- _What the task asks_
Beneath this task are records; print exactly the stretch of them from the line with "#161=IFCRELAGGREGATES('0000000000000000000019',$,$,$,#11,(#15));" through the line with "#85=IFCLOCALPLACEMENT(#14,#2);", both ends included.

[Records from a data collection]
▶
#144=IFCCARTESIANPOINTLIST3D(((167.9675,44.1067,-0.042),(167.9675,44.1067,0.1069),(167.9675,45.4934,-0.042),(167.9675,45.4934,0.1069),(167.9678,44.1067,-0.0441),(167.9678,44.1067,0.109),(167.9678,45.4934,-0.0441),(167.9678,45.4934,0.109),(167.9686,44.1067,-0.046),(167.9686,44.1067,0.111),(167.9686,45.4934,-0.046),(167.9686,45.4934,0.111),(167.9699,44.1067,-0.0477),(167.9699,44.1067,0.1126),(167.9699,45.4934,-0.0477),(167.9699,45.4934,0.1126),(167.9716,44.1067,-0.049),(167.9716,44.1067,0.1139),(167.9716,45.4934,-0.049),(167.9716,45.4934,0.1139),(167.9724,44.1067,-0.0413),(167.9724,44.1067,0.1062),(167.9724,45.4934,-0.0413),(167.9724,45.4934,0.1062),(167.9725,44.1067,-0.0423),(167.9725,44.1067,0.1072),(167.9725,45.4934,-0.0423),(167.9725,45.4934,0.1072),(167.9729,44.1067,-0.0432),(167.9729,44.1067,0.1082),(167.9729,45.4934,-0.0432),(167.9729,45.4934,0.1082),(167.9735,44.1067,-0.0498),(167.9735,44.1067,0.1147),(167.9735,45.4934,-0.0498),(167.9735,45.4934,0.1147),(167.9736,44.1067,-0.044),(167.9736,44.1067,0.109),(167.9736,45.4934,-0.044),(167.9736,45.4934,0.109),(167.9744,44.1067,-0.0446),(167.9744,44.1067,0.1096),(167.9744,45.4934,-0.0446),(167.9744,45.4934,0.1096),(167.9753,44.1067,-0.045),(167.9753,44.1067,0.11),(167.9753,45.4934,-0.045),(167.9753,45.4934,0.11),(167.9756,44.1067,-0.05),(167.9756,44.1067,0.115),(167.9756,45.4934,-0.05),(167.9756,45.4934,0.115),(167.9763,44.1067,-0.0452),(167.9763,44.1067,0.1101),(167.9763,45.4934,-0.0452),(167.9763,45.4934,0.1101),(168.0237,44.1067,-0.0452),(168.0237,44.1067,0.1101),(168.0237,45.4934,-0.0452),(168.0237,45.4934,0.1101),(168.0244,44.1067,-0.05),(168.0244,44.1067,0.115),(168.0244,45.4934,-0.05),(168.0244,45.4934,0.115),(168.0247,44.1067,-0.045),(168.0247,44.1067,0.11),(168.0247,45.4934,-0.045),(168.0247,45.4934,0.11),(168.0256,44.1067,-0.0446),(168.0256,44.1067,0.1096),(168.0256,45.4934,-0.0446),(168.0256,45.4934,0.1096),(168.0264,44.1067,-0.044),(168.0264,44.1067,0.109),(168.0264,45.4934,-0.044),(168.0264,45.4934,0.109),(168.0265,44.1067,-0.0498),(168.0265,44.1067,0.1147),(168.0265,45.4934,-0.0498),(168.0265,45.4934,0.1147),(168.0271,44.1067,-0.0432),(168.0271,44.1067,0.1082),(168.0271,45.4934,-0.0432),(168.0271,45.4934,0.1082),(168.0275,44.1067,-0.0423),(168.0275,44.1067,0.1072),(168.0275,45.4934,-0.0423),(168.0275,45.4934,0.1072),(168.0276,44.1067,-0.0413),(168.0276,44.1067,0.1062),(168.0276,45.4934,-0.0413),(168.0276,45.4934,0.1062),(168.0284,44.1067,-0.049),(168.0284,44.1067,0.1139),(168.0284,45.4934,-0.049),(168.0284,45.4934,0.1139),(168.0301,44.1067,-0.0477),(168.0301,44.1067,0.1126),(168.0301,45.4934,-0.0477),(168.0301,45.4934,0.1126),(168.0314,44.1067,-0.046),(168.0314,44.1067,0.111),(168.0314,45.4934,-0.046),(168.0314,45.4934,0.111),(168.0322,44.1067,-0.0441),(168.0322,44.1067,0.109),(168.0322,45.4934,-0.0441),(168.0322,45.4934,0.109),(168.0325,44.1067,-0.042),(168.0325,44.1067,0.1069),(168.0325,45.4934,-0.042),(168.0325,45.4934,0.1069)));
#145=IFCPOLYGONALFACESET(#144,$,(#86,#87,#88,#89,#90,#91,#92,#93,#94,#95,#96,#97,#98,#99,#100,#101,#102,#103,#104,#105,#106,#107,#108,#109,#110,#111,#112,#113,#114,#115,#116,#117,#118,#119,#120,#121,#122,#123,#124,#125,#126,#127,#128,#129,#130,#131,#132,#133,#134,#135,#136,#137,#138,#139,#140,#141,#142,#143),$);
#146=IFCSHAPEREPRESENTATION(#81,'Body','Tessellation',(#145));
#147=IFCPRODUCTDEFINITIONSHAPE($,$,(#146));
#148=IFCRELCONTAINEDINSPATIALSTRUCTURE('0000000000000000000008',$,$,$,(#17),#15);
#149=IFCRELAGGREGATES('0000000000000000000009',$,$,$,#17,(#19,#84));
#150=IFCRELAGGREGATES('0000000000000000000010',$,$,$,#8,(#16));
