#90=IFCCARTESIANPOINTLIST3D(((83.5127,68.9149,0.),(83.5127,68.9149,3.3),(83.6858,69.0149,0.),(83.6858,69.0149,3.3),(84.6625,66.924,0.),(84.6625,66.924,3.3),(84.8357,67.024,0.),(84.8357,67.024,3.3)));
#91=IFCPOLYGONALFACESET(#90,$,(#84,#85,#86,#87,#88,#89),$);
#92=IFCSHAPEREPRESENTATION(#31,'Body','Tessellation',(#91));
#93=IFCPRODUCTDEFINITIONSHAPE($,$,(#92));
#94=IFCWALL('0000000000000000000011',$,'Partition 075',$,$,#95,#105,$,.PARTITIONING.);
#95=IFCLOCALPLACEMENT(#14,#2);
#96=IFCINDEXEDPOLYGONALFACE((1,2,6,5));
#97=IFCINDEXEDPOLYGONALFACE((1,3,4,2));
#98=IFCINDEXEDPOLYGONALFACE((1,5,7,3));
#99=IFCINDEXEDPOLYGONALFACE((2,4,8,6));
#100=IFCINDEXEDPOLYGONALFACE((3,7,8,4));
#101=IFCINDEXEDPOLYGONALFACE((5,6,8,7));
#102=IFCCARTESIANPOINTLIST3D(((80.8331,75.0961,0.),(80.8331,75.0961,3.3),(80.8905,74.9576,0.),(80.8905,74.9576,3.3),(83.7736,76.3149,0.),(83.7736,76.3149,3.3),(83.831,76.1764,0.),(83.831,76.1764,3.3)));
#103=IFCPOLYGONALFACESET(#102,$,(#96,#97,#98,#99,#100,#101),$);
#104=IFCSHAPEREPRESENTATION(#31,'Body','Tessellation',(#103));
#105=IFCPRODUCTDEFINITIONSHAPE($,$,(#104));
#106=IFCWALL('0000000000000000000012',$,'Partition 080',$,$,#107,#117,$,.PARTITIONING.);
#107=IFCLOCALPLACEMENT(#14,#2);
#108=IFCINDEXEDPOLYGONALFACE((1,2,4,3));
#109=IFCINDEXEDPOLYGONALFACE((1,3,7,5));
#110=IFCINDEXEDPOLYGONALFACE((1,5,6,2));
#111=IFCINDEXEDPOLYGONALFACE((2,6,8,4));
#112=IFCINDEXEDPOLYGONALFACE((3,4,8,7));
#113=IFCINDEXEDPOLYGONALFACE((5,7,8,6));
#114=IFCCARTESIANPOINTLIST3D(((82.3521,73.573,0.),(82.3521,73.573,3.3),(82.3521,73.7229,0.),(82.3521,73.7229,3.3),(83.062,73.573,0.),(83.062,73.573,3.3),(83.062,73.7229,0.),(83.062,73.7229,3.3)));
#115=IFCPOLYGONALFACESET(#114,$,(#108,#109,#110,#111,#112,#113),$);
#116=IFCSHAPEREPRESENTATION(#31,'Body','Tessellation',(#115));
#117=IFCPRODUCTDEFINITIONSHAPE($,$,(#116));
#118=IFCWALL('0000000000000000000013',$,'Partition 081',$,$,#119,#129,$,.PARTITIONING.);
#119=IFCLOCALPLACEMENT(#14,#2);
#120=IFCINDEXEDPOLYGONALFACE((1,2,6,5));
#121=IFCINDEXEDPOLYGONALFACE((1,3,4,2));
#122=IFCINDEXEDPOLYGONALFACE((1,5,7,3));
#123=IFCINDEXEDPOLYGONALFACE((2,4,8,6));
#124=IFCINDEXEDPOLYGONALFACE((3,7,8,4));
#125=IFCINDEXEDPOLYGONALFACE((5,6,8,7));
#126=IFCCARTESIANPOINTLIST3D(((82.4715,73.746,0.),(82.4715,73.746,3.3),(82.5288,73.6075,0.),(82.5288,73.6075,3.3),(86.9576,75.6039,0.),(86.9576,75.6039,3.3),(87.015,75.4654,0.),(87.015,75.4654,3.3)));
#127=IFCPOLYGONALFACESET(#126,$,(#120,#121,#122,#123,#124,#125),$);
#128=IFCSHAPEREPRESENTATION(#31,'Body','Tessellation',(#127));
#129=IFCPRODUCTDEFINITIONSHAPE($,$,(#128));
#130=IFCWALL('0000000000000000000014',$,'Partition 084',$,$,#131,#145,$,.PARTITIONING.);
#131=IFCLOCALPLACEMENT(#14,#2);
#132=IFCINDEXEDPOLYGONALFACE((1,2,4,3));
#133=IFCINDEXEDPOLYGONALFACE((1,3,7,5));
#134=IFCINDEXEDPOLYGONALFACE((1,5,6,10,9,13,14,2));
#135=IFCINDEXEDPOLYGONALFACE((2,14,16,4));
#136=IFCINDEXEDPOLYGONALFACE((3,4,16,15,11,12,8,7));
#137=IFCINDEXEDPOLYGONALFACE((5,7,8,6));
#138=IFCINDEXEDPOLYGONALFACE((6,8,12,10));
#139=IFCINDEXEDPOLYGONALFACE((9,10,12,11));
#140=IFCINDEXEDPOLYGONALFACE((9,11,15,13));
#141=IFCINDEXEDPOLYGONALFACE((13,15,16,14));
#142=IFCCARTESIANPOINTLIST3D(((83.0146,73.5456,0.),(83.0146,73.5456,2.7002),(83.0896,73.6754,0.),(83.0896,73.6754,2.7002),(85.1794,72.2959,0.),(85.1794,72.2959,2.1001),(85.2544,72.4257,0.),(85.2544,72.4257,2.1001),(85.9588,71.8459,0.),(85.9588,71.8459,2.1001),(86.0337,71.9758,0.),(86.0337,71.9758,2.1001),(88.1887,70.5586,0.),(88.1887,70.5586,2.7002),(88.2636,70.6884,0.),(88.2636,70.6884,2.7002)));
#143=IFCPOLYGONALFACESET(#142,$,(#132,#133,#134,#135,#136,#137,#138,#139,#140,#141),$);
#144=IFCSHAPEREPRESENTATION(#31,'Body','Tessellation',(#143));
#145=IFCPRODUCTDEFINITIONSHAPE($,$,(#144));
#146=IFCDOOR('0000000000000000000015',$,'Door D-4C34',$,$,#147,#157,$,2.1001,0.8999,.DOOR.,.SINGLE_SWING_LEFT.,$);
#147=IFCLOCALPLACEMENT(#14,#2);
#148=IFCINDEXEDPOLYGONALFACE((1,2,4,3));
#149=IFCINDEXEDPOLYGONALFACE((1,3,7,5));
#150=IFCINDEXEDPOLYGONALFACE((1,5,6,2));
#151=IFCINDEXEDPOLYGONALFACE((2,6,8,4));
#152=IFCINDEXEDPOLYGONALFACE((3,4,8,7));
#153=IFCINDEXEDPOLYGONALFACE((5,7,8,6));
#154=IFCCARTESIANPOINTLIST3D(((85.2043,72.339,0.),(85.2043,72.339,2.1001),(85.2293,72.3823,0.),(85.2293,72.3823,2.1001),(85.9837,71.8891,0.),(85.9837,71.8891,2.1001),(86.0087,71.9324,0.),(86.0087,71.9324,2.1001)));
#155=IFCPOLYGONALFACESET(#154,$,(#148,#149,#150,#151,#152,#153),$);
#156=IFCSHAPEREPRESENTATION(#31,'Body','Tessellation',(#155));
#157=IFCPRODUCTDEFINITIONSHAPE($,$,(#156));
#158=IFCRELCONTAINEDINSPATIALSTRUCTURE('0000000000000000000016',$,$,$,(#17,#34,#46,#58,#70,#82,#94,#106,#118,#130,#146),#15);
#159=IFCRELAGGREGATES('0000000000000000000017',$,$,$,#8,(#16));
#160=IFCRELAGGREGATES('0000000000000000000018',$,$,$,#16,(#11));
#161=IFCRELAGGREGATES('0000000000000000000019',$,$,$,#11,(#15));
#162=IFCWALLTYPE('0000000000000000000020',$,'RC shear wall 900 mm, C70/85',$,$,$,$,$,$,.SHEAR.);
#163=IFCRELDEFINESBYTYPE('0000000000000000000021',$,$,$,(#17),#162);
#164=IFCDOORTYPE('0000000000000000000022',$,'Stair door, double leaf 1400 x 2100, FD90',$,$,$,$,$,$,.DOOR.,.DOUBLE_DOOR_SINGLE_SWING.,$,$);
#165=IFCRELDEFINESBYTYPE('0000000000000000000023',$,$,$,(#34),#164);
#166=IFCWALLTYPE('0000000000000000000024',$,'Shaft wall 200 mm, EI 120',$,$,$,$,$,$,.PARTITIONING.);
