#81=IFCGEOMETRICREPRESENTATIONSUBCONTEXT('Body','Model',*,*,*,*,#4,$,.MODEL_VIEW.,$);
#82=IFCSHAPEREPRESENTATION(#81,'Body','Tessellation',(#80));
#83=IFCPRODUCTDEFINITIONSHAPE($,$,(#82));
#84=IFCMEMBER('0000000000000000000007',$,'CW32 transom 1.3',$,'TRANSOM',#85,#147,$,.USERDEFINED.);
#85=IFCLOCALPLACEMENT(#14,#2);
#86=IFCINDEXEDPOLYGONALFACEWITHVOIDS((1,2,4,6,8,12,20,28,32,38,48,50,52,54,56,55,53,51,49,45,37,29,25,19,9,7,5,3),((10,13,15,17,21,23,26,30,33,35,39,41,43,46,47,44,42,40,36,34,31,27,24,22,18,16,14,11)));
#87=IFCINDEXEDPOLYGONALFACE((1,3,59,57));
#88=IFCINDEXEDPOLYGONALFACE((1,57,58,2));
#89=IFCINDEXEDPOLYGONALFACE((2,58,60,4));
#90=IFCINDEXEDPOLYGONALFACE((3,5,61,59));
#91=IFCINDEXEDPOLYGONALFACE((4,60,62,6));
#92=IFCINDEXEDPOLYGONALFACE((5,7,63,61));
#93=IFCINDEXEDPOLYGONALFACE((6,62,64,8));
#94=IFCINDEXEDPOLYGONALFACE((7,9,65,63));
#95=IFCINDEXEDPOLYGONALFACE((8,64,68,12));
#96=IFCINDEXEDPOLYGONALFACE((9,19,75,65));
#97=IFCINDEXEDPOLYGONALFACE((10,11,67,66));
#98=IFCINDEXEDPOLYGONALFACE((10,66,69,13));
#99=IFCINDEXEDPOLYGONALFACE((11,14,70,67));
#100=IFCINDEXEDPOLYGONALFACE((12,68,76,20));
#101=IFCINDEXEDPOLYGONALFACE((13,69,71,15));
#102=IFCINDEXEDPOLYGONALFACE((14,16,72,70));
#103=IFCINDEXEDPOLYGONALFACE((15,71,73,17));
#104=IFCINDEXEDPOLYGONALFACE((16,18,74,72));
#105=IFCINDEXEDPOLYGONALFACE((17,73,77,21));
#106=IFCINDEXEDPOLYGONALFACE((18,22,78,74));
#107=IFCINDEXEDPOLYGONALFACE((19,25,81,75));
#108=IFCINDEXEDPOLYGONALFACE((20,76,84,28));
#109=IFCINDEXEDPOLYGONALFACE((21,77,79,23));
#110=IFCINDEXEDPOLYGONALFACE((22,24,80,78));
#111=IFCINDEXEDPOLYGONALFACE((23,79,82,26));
◀
- _Task output_
#161=IFCRELAGGREGATES('0000000000000000000019',$,$,$,#11,(#15));
#162=IFCWALLTYPE('0000000000000000000020',$,'RC shear wall 900 mm, C70/85',$,$,$,$,$,$,.SHEAR.);
#163=IFCRELDEFINESBYTYPE('0000000000000000000021',$,$,$,(#17),#162);
#164=IFCDOORTYPE('0000000000000000000022',$,'Stair door, double leaf 1400 x 2100, FD90',$,$,$,$,$,$,.DOOR.,.DOUBLE_DOOR_SINGLE_SWING.,$,$);
#165=IFCRELDEFINESBYTYPE('0000000000000000000023',$,$,$,(#34),#164);
#166=IFCWALLTYPE('0000000000000000000024',$,'Shaft wall 200 mm, EI 120',$,$,$,$,$,$,.PARTITIONING.);
#81=IFCGEOMETRICREPRESENTATIONSUBCONTEXT('Body','Model',*,*,*,*,#4,$,.MODEL_VIEW.,$);
#82=IFCSHAPEREPRESENTATION(#81,'Body','Tessellation',(#80));
#83=IFCPRODUCTDEFINITIONSHAPE($,$,(#82));
#84=IFCMEMBER('0000000000000000000007',$,'CW32 transom 1.3',$,'TRANSOM',#85,#147,$,.USERDEFINED.);
#85=IFCLOCALPLACEMENT(#14,#2);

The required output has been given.